▸ **EXERCISE AIM**
In full and without alteration, return the records below.
** DATASET CONTENT follows **
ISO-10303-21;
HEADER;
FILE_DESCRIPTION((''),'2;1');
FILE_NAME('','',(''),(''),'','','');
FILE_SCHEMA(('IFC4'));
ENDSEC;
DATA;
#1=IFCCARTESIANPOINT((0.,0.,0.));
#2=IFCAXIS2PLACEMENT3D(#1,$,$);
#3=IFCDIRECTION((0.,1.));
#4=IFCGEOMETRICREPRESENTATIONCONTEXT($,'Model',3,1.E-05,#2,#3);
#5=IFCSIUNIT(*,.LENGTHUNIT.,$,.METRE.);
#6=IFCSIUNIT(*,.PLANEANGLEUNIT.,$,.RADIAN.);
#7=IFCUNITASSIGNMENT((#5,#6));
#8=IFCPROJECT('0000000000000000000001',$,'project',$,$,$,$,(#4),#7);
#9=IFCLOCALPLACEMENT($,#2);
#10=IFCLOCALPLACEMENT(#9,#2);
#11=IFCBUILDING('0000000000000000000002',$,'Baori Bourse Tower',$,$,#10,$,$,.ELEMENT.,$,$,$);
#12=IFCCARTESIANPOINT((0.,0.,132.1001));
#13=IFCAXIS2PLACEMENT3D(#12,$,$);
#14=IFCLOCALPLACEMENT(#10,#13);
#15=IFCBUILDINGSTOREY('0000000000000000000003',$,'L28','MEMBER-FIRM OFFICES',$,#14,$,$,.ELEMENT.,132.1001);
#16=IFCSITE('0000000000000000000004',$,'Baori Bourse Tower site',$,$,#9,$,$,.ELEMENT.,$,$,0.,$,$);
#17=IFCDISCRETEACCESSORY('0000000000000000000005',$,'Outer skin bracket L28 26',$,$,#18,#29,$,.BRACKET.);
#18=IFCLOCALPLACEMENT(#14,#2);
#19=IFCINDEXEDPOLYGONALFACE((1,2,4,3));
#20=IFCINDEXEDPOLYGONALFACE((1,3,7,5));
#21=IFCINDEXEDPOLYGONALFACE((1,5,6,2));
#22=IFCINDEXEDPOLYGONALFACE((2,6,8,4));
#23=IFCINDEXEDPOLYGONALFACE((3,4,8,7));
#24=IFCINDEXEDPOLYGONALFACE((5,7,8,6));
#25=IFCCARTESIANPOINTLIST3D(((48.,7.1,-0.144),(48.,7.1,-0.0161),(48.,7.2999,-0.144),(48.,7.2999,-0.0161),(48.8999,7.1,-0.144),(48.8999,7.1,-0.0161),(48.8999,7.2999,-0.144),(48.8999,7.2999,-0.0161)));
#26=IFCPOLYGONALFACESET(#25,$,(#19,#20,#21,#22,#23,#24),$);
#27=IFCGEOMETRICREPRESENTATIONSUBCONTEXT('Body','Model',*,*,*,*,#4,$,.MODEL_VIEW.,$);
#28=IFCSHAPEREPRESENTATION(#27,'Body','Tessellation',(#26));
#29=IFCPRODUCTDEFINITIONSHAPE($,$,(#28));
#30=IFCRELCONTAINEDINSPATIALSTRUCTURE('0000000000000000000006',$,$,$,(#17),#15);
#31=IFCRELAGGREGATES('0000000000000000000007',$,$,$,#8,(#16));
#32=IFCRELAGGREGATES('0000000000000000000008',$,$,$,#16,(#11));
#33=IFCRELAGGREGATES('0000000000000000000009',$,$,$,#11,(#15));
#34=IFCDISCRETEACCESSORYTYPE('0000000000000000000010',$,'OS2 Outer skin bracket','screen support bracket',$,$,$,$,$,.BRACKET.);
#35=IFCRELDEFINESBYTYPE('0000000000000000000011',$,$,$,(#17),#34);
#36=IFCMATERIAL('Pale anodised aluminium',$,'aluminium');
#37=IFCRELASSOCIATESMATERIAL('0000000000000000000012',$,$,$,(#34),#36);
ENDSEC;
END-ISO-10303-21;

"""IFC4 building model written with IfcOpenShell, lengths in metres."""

from ifc_helpers import new_model, si_unit, direction, frame, origin, origin_2d, place, context, subcontext, project, spatial, rectangle, extrude, material, type_object, element, save


model = new_model("IFC4")

# Units and contexts
model_context = context("Model", 3, precision=1e-05, world=origin(), true_north=direction((0.0, 1.0)))
body_context = subcontext(model_context, "Body", "Model", "MODEL_VIEW")
ifc_project = project(units=[si_unit("LENGTHUNIT", "METRE"), si_unit("PLANEANGLEUNIT", "RADIAN")], contexts=[model_context])

# Site, building, storey
site_placement = place(None, origin())
site = spatial("IfcSite", under=ifc_project, at=site_placement, Name="Baori Bourse Tower site", CompositionType="ELEMENT", RefElevation=0.0)
building_placement = place(site_placement, origin())
building = spatial("IfcBuilding", under=site, at=building_placement, Name="Baori Bourse Tower", CompositionType="ELEMENT")
storey_placement = place(building_placement, frame((0.0, 0.0, 132.1001)))
storey = spatial("IfcBuildingStorey", under=building, at=storey_placement, Name="L28", Description="MEMBER-FIRM OFFICES", CompositionType="ELEMENT", Elevation=132.1001)

# Discrete accessory
ifc_material_1 = material(Name="Pale anodised aluminium", Category="aluminium")
discrete_accessory_type = type_object("IfcDiscreteAccessoryType", Name="OS2 Outer skin bracket", Description="screen support bracket", PredefinedType="BRACKET", material=ifc_material_1)
for number, where, z_axis, x_axis, name in (
    (1, (48.45, 7.2, -0.144), (0.0, 0.0, 1.0), (0.0, 1.0, 0.0), "Outer skin bracket L28 26"),
):
    element("IfcDiscreteAccessory", number, at=place(storey_placement, frame(where, z_axis=z_axis, x_axis=x_axis)), inside=storey, type_object=discrete_accessory_type, Name=name, PredefinedType="BRACKET", context=body_context, shape_type="SweptSolid", body=[
        extrude(rectangle(XDim=0.2, YDim=0.8999, at=origin_2d()), origin(), (0.0, 0.0, 1.0), 0.1279),
    ])

save(model, "model.ifc")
** End of DATASET CONTENT **
▸ **EXERCISE RESPONSE**
ISO-10303-21;
HEADER;
FILE_DESCRIPTION((''),'2;1');
FILE_NAME('','',(''),(''),'','','');
FILE_SCHEMA(('IFC4'));
ENDSEC;
DATA;
#1=IFCCARTESIANPOINT((0.,0.,0.));
#2=IFCAXIS2PLACEMENT3D(#1,$,$);
#3=IFCDIRECTION((0.,1.));
#4=IFCGEOMETRICREPRESENTATIONCONTEXT($,'Model',3,1.E-05,#2,#3);
#5=IFCSIUNIT(*,.LENGTHUNIT.,$,.METRE.);
#6=IFCSIUNIT(*,.PLANEANGLEUNIT.,$,.RADIAN.);
#7=IFCUNITASSIGNMENT((#5,#6));
#8=IFCPROJECT('0000000000000000000001',$,'project',$,$,$,$,(#4),#7);
#9=IFCLOCALPLACEMENT($,#2);
#10=IFCLOCALPLACEMENT(#9,#2);
#11=IFCBUILDING('0000000000000000000002',$,'Baori Bourse Tower',$,$,#10,$,$,.ELEMENT.,$,$,$);
#12=IFCCARTESIANPOINT((0.,0.,132.1001));
#13=IFCAXIS2PLACEMENT3D(#12,$,$);
#14=IFCLOCALPLACEMENT(#10,#13);
#15=IFCBUILDINGSTOREY('0000000000000000000003',$,'L28','MEMBER-FIRM OFFICES',$,#14,$,$,.ELEMENT.,132.1001);
#16=IFCSITE('0000000000000000000004',$,'Baori Bourse Tower site',$,$,#9,$,$,.ELEMENT.,$,$,0.,$,$);
#17=IFCDISCRETEACCESSORY('0000000000000000000005',$,'Outer skin bracket L28 26',$,$,#18,#29,$,.BRACKET.);
#18=IFCLOCALPLACEMENT(#14,#2);
#19=IFCINDEXEDPOLYGONALFACE((1,2,4,3));
#20=IFCINDEXEDPOLYGONALFACE((1,3,7,5));
#21=IFCINDEXEDPOLYGONALFACE((1,5,6,2));
#22=IFCINDEXEDPOLYGONALFACE((2,6,8,4));
#23=IFCINDEXEDPOLYGONALFACE((3,4,8,7));
#24=IFCINDEXEDPOLYGONALFACE((5,7,8,6));
#25=IFCCARTESIANPOINTLIST3D(((48.,7.1,-0.144),(48.,7.1,-0.0161),(48.,7.2999,-0.144),(48.,7.2999,-0.0161),(48.8999,7.1,-0.144),(48.8999,7.1,-0.0161),(48.8999,7.2999,-0.144),(48.8999,7.2999,-0.0161)));
#26=IFCPOLYGONALFACESET(#25,$,(#19,#20,#21,#22,#23,#24),$);
#27=IFCGEOMETRICREPRESENTATIONSUBCONTEXT('Body','Model',*,*,*,*,#4,$,.MODEL_VIEW.,$);
#28=IFCSHAPEREPRESENTATION(#27,'Body','Tessellation',(#26));
#29=IFCPRODUCTDEFINITIONSHAPE($,$,(#28));
#30=IFCRELCONTAINEDINSPATIALSTRUCTURE('0000000000000000000006',$,$,$,(#17),#15);
#31=IFCRELAGGREGATES('0000000000000000000007',$,$,$,#8,(#16));
#32=IFCRELAGGREGATES('0000000000000000000008',$,$,$,#16,(#11));
#33=IFCRELAGGREGATES('0000000000000000000009',$,$,$,#11,(#15));
#34=IFCDISCRETEACCESSORYTYPE('0000000000000000000010',$,'OS2 Outer skin bracket','screen support bracket',$,$,$,$,$,.BRACKET.);
#35=IFCRELDEFINESBYTYPE('0000000000000000000011',$,$,$,(#17),#34);
#36=IFCMATERIAL('Pale anodised aluminium',$,'aluminium');
#37=IFCRELASSOCIATESMATERIAL('0000000000000000000012',$,$,$,(#34),#36);
ENDSEC;
END-ISO-10303-21;

"""IFC4 building model written with IfcOpenShell, lengths in metres."""

from ifc_helpers import new_model, si_unit, direction, frame, origin, origin_2d, place, context, subcontext, project, spatial, rectangle, extrude, material, type_object, element, save


model = new_model("IFC4")

# Units and contexts
model_context = context("Model", 3, precision=1e-05, world=origin(), true_north=direction((0.0, 1.0)))
body_context = subcontext(model_context, "Body", "Model", "MODEL_VIEW")
ifc_project = project(units=[si_unit("LENGTHUNIT", "METRE"), si_unit("PLANEANGLEUNIT", "RADIAN")], contexts=[model_context])

# Site, building, storey
site_placement = place(None, origin())
site = spatial("IfcSite", under=ifc_project, at=site_placement, Name="Baori Bourse Tower site", CompositionType="ELEMENT", RefElevation=0.0)
building_placement = place(site_placement, origin())
building = spatial("IfcBuilding", under=site, at=building_placement, Name="Baori Bourse Tower", CompositionType="ELEMENT")
storey_placement = place(building_placement, frame((0.0, 0.0, 132.1001)))
storey = spatial("IfcBuildingStorey", under=building, at=storey_placement, Name="L28", Description="MEMBER-FIRM OFFICES", CompositionType="ELEMENT", Elevation=132.1001)

# Discrete accessory
ifc_material_1 = material(Name="Pale anodised aluminium", Category="aluminium")
discrete_accessory_type = type_object("IfcDiscreteAccessoryType", Name="OS2 Outer skin bracket", Description="screen support bracket", PredefinedType="BRACKET", material=ifc_material_1)
for number, where, z_axis, x_axis, name in (
    (1, (48.45, 7.2, -0.144), (0.0, 0.0, 1.0), (0.0, 1.0, 0.0), "Outer skin bracket L28 26"),
):
    element("IfcDiscreteAccessory", number, at=place(storey_placement, frame(where, z_axis=z_axis, x_axis=x_axis)), inside=storey, type_object=discrete_accessory_type, Name=name, PredefinedType="BRACKET", context=body_context, shape_type="SweptSolid", body=[
        extrude(rectangle(XDim=0.2, YDim=0.8999, at=origin_2d()), origin(), (0.0, 0.0, 1.0), 0.1279),
    ])

save(model, "model.ifc")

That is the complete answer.